## INSTRUCTIONS TO FOLLOW
Can you find the lines of the listing that include "IFCMATERIALLAYERSET" and copy every one?

## MATERIAL FOR THIS EXERCISE
----

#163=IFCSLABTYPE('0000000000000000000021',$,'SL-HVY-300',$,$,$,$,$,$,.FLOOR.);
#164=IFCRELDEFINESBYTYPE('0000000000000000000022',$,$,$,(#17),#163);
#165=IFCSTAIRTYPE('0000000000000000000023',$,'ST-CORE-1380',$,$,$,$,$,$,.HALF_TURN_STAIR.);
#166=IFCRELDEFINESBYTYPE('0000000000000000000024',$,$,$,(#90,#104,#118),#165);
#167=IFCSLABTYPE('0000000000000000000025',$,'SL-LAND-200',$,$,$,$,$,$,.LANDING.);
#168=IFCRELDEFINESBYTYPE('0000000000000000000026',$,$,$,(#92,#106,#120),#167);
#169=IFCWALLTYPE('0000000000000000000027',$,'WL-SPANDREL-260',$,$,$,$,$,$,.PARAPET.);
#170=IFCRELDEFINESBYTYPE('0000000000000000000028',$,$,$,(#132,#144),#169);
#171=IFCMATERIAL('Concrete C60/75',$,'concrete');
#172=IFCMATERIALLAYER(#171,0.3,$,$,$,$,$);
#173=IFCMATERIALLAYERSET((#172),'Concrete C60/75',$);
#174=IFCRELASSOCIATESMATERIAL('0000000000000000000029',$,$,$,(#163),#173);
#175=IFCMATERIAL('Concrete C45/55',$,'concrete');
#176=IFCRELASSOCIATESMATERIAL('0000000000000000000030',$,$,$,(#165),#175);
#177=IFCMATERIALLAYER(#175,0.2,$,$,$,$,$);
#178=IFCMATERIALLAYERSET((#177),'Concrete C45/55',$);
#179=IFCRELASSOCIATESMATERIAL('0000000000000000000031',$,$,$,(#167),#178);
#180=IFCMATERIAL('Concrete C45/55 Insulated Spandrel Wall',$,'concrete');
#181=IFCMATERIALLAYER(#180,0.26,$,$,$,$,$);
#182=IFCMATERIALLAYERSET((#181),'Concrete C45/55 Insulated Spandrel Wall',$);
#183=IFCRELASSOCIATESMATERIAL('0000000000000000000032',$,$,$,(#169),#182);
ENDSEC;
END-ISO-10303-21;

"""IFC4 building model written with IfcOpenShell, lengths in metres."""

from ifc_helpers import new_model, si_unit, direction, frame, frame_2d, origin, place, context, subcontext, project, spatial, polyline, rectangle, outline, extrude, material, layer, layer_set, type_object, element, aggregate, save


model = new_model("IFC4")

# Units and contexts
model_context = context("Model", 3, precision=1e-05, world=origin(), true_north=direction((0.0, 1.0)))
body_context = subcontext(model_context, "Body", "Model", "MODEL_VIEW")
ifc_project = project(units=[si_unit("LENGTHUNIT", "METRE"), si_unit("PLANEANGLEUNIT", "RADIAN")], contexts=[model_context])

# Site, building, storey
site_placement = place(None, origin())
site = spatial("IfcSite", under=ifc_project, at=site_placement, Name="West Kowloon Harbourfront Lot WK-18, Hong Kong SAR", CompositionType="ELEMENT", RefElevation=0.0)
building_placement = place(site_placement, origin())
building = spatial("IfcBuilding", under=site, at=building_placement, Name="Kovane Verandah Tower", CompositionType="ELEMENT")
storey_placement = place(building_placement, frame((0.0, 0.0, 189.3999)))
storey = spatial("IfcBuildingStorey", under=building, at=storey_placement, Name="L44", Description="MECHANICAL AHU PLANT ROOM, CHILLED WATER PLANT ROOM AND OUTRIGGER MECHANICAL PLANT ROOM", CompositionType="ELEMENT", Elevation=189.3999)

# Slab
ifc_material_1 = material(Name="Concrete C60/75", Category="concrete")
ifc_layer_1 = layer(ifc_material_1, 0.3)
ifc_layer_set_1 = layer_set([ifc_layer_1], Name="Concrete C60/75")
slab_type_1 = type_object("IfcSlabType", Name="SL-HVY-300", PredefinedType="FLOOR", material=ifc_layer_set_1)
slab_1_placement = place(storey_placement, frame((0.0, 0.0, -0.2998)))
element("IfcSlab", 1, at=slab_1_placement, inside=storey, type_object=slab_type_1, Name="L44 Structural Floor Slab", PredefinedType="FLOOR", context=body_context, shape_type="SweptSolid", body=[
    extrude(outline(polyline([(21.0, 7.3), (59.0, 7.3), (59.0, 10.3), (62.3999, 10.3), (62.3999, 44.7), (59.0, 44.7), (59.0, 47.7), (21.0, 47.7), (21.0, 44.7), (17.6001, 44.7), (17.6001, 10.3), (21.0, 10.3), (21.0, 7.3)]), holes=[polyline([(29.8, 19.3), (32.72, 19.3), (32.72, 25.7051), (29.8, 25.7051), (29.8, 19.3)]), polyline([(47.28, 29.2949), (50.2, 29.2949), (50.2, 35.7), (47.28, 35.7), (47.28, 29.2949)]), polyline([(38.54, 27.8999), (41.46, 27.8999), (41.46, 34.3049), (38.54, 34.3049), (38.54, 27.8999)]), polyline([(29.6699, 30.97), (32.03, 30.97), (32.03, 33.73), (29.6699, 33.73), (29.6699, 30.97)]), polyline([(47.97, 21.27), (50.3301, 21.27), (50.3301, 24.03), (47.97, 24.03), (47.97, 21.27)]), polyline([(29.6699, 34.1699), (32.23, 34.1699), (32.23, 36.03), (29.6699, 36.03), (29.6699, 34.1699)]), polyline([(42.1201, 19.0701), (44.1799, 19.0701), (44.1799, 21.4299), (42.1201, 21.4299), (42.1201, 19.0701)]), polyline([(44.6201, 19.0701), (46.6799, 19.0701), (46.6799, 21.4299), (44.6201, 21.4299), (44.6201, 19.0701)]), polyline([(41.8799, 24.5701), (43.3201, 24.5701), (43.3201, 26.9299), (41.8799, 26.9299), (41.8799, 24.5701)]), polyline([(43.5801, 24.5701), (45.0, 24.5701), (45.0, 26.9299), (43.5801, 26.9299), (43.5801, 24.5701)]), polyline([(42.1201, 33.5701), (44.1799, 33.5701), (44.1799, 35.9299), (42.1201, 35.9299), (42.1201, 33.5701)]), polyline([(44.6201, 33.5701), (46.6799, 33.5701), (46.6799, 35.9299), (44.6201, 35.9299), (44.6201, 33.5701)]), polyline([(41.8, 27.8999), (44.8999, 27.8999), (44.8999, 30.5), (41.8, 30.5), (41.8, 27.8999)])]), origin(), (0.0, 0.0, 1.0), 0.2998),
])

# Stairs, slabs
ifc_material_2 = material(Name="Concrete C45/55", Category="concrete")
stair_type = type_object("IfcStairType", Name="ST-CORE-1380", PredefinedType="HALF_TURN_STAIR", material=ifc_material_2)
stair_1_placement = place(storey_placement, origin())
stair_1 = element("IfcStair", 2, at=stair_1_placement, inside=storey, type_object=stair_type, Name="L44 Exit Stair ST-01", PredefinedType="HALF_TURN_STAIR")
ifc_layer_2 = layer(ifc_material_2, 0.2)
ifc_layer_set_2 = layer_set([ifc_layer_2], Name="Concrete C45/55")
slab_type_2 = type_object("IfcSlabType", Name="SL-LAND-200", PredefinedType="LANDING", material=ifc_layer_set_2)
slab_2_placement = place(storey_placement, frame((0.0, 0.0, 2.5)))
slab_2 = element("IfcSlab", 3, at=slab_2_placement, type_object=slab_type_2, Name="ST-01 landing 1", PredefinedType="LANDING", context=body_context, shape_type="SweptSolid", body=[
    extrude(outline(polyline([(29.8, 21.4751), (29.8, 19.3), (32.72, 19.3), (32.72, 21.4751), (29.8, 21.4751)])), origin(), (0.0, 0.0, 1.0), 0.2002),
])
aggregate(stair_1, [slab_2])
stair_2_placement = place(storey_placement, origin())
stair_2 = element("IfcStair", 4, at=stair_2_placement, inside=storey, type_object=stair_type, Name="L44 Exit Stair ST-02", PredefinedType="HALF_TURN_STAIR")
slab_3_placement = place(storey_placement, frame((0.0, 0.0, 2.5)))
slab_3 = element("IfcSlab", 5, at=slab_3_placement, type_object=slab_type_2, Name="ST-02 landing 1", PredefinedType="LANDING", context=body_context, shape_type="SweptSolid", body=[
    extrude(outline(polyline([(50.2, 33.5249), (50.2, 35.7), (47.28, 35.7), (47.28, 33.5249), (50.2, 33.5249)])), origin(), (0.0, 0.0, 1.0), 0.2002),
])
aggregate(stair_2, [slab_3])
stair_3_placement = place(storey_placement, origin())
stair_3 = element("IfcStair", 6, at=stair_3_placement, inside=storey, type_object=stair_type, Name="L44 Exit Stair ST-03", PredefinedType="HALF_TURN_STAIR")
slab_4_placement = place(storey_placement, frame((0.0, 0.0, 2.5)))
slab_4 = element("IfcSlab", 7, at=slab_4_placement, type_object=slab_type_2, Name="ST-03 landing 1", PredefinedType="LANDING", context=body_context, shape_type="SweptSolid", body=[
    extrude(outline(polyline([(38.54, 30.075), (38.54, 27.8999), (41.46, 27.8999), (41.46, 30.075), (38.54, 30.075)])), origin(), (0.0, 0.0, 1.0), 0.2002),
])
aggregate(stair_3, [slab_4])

----

## TASK RESULT
#173=IFCMATERIALLAYERSET((#172),'Concrete C60/75',$);
#178=IFCMATERIALLAYERSET((#177),'Concrete C45/55',$);
#182=IFCMATERIALLAYERSET((#181),'Concrete C45/55 Insulated Spandrel Wall',$);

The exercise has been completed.